**** EXERCISE MATERIAL

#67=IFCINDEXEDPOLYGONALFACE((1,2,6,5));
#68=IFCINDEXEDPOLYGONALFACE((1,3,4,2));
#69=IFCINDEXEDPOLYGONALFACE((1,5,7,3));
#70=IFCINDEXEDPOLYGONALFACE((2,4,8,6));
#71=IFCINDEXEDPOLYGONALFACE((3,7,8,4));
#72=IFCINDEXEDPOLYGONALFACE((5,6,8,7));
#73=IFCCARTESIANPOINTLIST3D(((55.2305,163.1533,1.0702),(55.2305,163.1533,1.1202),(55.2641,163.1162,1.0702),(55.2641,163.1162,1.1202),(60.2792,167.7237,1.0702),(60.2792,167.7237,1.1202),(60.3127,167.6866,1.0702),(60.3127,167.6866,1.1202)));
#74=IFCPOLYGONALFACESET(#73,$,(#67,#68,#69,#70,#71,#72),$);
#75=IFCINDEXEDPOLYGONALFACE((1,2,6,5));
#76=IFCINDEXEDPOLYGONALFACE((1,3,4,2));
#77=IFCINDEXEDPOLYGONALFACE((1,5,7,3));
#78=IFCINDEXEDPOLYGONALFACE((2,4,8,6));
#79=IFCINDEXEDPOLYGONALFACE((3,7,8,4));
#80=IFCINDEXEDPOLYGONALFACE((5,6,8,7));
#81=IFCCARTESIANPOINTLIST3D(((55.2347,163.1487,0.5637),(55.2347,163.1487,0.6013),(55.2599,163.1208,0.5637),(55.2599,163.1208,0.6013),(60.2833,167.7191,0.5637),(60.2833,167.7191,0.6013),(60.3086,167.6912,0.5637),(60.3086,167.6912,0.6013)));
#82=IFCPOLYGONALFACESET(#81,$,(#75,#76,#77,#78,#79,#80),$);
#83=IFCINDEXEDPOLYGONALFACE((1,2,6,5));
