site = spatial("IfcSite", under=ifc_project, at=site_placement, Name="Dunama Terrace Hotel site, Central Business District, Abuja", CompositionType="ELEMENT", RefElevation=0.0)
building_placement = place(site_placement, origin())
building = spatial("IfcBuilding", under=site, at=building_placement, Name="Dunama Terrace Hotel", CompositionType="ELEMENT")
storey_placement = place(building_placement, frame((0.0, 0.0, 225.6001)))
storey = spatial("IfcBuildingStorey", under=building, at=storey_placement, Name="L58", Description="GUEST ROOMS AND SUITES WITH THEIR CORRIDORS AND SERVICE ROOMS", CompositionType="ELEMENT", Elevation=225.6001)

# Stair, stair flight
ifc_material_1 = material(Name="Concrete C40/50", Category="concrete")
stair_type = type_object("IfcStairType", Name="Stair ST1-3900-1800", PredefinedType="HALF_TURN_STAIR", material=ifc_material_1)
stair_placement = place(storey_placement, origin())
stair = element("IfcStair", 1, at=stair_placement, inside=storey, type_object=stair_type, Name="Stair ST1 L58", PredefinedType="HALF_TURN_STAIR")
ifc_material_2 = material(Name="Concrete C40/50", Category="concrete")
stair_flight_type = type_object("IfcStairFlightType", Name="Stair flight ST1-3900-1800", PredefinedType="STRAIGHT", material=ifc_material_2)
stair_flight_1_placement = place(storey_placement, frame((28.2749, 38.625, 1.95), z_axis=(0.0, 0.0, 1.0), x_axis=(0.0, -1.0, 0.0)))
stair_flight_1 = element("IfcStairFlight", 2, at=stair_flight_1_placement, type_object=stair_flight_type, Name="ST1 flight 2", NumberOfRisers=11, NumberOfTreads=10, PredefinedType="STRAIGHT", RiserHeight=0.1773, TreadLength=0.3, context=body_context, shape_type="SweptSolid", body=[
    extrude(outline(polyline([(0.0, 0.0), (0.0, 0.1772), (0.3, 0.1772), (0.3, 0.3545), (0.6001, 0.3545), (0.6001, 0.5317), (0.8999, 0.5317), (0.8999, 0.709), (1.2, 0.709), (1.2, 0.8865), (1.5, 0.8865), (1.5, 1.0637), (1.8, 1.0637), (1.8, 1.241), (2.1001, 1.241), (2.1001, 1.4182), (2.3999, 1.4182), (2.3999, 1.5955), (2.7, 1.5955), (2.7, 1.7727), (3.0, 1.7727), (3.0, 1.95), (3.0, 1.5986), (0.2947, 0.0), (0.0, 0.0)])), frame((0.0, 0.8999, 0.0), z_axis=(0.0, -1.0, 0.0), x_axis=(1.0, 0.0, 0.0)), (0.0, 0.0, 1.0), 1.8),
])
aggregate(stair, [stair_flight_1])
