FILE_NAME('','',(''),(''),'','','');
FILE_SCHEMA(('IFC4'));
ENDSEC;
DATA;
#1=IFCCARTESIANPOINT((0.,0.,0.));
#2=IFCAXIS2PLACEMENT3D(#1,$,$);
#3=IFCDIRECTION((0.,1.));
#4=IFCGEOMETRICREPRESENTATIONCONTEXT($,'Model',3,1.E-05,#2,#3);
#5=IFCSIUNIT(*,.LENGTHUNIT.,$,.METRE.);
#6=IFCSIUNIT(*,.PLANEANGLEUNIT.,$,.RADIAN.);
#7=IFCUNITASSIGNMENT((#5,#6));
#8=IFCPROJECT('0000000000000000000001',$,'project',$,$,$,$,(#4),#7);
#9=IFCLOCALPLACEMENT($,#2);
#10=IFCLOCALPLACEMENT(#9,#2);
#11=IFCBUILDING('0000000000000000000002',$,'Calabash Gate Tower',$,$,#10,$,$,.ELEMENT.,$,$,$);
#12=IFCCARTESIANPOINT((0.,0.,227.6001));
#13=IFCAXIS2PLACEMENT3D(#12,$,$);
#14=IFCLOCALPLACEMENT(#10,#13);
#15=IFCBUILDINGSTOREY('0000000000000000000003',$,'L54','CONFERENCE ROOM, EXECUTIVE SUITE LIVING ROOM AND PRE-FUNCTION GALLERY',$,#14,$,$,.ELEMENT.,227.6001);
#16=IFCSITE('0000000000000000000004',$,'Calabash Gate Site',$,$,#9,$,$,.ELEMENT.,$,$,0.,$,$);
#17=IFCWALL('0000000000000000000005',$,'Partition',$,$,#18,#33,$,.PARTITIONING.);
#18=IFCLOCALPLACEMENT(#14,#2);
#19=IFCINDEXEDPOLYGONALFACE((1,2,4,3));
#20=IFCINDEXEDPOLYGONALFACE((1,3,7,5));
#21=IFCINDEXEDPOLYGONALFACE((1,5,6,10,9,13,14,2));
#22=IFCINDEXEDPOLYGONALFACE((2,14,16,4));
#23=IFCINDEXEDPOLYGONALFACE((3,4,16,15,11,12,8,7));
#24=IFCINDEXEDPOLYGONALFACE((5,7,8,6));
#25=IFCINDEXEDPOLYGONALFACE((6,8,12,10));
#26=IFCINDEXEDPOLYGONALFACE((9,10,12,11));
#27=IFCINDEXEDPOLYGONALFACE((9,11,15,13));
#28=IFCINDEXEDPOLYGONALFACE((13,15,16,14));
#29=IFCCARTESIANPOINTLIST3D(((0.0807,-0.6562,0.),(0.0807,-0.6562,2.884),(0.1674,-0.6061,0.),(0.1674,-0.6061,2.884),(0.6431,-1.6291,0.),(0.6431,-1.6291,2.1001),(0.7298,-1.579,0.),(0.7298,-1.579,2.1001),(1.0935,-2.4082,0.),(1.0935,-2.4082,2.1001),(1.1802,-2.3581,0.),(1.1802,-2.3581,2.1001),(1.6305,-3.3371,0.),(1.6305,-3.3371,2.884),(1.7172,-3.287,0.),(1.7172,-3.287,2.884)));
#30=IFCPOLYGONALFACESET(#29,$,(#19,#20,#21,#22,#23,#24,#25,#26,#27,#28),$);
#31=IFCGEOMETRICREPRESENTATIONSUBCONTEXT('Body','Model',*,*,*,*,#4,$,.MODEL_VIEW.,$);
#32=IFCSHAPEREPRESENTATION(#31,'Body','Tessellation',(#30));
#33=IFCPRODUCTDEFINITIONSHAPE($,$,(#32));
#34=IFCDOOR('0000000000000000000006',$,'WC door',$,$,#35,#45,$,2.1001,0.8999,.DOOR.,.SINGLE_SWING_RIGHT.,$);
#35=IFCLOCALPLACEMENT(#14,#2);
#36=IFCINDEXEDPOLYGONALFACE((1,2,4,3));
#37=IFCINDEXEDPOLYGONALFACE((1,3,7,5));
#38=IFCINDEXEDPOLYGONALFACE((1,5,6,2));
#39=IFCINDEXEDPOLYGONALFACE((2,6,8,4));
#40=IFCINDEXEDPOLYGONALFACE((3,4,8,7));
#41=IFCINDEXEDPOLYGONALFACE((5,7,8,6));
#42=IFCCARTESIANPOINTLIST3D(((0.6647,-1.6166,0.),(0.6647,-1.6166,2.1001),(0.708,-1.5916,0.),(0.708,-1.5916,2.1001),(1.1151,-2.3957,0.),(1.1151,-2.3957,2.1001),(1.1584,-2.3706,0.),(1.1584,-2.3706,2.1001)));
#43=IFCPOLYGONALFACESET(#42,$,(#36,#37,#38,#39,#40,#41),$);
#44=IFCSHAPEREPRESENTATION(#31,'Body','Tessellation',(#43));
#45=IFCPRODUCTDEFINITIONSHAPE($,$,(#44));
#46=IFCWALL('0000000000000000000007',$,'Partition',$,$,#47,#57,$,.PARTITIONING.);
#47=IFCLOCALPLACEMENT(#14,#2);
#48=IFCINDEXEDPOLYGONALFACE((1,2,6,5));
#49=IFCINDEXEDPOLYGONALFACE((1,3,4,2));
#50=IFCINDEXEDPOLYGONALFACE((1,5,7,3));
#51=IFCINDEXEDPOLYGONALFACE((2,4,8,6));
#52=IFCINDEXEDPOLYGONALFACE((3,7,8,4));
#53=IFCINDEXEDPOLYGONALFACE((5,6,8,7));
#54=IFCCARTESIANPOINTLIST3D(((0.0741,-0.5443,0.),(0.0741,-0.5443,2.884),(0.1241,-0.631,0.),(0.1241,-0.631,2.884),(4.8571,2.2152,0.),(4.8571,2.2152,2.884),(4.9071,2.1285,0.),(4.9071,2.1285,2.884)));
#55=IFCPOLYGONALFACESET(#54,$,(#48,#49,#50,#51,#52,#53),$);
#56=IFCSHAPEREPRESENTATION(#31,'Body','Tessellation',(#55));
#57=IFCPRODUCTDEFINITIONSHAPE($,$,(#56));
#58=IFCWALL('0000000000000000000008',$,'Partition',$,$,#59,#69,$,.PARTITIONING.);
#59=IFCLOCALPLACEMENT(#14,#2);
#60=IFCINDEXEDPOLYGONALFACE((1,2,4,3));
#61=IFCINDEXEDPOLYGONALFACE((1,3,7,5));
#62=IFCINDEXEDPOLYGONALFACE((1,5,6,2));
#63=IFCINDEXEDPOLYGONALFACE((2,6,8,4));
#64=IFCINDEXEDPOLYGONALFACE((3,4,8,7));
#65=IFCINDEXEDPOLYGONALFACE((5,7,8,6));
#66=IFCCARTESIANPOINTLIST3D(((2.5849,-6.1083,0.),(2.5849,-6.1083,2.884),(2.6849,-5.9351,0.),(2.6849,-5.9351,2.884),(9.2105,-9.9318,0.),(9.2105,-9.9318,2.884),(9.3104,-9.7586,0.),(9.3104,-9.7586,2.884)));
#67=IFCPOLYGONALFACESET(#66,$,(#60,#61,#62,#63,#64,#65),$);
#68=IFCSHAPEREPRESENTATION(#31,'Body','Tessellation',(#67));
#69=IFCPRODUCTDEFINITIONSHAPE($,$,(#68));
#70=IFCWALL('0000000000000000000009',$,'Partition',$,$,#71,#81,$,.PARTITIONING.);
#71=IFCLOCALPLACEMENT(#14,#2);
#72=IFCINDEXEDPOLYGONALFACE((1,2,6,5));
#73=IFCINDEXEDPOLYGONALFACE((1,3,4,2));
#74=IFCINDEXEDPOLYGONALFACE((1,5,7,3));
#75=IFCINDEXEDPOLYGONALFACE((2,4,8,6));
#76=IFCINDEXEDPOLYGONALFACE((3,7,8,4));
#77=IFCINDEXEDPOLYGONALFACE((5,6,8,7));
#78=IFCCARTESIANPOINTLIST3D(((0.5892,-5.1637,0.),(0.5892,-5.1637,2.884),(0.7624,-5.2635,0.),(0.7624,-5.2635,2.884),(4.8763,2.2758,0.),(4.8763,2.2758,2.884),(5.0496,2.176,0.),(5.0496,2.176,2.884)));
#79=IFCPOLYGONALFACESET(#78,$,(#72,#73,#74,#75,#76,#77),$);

********

**WHAT IS BEING ASKED:** Using the entries above, repeat only the lines from the one containing "#56=IFCSHAPEREPRESENTATION(#31,'Body','Tessellation',(#55));" through the one containing "#65=IFCINDEXEDPOLYGONALFACE((5,7,8,6));", end lines included.

**YOUR SOLUTION:**
#56=IFCSHAPEREPRESENTATION(#31,'Body','Tessellation',(#55));
#57=IFCPRODUCTDEFINITIONSHAPE($,$,(#56));
#58=IFCWALL('0000000000000000000008',$,'Partition',$,$,#59,#69,$,.PARTITIONING.);
#59=IFCLOCALPLACEMENT(#14,#2);
#60=IFCINDEXEDPOLYGONALFACE((1,2,4,3));
#61=IFCINDEXEDPOLYGONALFACE((1,3,7,5));
#62=IFCINDEXEDPOLYGONALFACE((1,5,6,2));
#63=IFCINDEXEDPOLYGONALFACE((2,6,8,4));
#64=IFCINDEXEDPOLYGONALFACE((3,4,8,7));
#65=IFCINDEXEDPOLYGONALFACE((5,7,8,6));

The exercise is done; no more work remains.